Saved entries
_____

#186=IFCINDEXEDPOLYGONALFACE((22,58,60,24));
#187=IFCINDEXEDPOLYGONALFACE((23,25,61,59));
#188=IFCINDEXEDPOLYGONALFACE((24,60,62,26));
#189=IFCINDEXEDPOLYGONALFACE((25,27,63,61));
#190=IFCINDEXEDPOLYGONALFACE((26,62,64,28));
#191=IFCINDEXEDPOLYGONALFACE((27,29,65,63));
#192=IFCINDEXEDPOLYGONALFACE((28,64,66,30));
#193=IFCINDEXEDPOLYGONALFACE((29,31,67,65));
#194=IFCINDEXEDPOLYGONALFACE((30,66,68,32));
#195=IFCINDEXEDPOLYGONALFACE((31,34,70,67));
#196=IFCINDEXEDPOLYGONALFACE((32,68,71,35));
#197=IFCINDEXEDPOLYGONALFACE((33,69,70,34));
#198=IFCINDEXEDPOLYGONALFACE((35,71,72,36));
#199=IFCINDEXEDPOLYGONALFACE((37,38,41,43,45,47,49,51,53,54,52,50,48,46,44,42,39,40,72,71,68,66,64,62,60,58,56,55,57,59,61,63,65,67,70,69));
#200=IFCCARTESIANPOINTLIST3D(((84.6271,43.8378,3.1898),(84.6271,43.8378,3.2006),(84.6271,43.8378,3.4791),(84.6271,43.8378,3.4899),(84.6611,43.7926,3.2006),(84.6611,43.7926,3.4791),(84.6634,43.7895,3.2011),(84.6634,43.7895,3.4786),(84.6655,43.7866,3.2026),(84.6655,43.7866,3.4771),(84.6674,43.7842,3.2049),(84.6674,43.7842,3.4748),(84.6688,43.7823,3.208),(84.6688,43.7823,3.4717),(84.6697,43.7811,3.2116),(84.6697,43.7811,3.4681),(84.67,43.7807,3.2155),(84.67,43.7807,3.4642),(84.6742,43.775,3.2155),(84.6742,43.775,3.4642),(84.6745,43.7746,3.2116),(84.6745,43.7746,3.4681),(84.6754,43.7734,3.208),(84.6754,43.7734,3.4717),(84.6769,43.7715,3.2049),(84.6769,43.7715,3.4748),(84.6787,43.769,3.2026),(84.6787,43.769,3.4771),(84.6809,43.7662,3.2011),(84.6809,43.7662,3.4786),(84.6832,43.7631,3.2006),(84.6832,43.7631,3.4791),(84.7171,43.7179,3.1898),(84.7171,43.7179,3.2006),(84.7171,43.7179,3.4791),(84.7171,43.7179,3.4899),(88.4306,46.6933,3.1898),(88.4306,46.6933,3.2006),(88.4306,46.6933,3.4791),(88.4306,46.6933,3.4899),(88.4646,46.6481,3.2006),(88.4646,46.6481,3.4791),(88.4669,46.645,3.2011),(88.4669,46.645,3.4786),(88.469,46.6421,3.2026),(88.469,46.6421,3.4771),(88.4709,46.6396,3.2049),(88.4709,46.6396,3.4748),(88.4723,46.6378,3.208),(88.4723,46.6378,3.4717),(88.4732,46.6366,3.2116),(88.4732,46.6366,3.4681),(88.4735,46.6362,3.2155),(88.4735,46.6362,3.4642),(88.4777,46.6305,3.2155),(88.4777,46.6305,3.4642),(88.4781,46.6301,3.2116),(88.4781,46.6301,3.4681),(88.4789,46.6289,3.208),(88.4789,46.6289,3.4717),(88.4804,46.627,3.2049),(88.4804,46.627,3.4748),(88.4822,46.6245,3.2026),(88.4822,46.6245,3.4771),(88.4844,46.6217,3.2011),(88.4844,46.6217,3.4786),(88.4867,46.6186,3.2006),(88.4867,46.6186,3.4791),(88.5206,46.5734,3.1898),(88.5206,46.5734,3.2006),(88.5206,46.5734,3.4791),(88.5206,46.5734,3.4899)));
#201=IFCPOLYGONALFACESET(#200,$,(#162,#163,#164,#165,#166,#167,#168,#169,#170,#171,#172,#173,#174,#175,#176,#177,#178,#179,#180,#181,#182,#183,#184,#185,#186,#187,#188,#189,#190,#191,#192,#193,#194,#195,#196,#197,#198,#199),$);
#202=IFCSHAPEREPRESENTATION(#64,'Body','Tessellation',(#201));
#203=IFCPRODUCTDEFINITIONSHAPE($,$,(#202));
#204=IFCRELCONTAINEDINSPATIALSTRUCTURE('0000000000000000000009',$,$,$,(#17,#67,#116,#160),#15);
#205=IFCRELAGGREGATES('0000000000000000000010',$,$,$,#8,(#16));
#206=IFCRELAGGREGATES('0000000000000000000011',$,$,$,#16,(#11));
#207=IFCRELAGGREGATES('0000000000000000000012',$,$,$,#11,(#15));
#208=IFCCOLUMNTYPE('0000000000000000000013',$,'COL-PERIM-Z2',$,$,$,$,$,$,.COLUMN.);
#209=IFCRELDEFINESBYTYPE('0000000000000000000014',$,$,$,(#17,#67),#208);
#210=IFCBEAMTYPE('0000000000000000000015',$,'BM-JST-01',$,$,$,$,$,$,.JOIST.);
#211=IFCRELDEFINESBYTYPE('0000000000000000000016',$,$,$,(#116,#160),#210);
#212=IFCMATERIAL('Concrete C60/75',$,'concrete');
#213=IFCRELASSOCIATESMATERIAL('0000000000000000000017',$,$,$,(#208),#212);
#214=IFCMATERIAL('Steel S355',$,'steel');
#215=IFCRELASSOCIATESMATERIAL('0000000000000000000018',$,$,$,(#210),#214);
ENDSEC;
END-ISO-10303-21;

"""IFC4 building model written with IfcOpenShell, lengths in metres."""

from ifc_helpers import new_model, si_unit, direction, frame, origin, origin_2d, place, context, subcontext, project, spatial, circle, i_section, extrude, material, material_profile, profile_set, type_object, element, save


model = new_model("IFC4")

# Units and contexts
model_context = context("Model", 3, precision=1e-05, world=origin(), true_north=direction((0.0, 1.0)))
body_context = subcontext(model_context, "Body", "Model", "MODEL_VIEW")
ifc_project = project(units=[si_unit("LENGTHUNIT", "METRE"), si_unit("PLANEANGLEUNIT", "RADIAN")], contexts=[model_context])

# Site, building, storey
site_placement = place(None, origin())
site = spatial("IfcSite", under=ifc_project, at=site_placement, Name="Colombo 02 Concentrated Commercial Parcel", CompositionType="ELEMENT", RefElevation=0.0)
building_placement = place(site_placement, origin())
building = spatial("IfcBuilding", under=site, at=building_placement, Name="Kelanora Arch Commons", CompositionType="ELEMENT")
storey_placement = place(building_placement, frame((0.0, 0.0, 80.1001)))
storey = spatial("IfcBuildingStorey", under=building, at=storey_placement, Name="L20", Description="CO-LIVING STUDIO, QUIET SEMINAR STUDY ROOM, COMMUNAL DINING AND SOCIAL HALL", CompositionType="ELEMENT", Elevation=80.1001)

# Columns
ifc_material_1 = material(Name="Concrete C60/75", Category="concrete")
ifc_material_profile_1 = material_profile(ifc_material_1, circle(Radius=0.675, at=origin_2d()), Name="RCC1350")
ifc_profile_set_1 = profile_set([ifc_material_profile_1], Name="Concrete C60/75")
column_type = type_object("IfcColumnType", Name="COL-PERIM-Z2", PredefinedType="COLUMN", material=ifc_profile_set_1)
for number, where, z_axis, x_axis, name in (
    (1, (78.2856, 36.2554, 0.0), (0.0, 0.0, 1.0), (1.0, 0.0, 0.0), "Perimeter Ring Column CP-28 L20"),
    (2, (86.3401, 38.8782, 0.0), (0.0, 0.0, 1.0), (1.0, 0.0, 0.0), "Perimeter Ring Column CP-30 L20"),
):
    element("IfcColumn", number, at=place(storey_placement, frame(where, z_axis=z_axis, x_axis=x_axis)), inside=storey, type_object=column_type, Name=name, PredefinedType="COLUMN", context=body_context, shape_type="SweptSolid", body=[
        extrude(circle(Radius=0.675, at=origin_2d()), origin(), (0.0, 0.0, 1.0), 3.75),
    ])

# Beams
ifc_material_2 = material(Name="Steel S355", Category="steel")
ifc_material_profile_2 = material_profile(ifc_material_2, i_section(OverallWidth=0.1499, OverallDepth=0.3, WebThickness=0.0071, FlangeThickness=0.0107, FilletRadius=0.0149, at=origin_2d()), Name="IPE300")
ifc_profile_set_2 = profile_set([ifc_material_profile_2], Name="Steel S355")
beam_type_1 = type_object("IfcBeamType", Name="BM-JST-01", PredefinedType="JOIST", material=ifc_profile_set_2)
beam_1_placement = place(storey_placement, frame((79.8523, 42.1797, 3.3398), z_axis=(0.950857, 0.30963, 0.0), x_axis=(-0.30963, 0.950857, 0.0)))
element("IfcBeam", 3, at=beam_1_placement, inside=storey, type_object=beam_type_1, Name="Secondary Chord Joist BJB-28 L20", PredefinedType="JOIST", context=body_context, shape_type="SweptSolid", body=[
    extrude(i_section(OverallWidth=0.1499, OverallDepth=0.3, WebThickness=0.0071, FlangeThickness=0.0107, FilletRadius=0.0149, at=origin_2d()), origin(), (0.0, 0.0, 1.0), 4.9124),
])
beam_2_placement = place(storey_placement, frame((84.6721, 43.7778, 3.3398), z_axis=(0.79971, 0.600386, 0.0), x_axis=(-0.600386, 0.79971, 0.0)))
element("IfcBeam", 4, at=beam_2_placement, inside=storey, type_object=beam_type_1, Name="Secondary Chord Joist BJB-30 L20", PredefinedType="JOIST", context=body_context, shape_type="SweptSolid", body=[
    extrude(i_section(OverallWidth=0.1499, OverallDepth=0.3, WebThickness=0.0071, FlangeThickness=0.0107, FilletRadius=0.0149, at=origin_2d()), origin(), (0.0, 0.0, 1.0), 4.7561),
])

_____

• _Exercise requirements_: Exactly as written, please reproduce the lines from the first line of the data to the line containing "#192=IFCINDEXEDPOLYGONALFACE((28,64,66,30));", inclusive, and nothing else.

• _Written response_:
#186=IFCINDEXEDPOLYGONALFACE((22,58,60,24));
#187=IFCINDEXEDPOLYGONALFACE((23,25,61,59));
#188=IFCINDEXEDPOLYGONALFACE((24,60,62,26));
#189=IFCINDEXEDPOLYGONALFACE((25,27,63,61));
#190=IFCINDEXEDPOLYGONALFACE((26,62,64,28));
#191=IFCINDEXEDPOLYGONALFACE((27,29,65,63));
#192=IFCINDEXEDPOLYGONALFACE((28,64,66,30));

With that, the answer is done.